Problem requirements: Give again the entries below exactly, beginning at the first line and ending at the line with "from ifc_helpers import".

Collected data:
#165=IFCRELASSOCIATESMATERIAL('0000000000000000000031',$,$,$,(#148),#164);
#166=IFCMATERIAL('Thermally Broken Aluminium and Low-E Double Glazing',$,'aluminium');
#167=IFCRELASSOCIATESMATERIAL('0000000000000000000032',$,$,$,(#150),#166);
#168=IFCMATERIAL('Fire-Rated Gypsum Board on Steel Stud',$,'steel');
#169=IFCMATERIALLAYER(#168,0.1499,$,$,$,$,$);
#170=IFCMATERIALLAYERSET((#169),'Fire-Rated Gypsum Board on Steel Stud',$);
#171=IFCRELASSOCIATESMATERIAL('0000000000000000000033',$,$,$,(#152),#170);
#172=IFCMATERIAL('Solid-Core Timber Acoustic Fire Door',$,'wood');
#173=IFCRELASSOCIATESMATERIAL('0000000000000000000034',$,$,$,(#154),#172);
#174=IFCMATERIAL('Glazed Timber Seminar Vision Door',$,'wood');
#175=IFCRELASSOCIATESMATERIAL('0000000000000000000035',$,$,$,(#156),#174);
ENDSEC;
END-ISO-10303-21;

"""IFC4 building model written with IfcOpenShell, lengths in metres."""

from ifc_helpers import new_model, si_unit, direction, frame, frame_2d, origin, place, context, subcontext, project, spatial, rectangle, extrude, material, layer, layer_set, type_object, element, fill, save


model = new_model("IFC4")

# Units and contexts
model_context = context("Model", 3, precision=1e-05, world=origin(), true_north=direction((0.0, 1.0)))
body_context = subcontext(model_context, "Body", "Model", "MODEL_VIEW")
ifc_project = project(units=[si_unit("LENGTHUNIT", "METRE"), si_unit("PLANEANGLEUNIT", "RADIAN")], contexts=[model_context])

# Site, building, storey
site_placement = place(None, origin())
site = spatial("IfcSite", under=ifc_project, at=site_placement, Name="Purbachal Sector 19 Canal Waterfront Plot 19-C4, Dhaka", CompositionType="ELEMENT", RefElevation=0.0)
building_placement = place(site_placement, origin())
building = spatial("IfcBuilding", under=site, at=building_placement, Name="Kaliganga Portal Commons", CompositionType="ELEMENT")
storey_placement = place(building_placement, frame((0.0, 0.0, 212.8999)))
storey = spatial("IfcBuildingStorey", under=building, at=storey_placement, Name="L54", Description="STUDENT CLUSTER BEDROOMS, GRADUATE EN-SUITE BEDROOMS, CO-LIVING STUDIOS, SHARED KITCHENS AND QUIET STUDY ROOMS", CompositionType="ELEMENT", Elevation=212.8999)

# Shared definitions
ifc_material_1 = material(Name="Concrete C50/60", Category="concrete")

Response area:
#165=IFCRELASSOCIATESMATERIAL('0000000000000000000031',$,$,$,(#148),#164);
#166=IFCMATERIAL('Thermally Broken Aluminium and Low-E Double Glazing',$,'aluminium');
#167=IFCRELASSOCIATESMATERIAL('0000000000000000000032',$,$,$,(#150),#166);
#168=IFCMATERIAL('Fire-Rated Gypsum Board on Steel Stud',$,'steel');
#169=IFCMATERIALLAYER(#168,0.1499,$,$,$,$,$);
#170=IFCMATERIALLAYERSET((#169),'Fire-Rated Gypsum Board on Steel Stud',$);
#171=IFCRELASSOCIATESMATERIAL('0000000000000000000033',$,$,$,(#152),#170);
#172=IFCMATERIAL('Solid-Core Timber Acoustic Fire Door',$,'wood');
#173=IFCRELASSOCIATESMATERIAL('0000000000000000000034',$,$,$,(#154),#172);
#174=IFCMATERIAL('Glazed Timber Seminar Vision Door',$,'wood');
#175=IFCRELASSOCIATESMATERIAL('0000000000000000000035',$,$,$,(#156),#174);
ENDSEC;
END-ISO-10303-21;

"""IFC4 building model written with IfcOpenShell, lengths in metres."""

from ifc_helpers import new_model, si_unit, direction, frame, frame_2d, origin, place, context, subcontext, project, spatial, rectangle, extrude, material, layer, layer_set, type_object, element, fill, save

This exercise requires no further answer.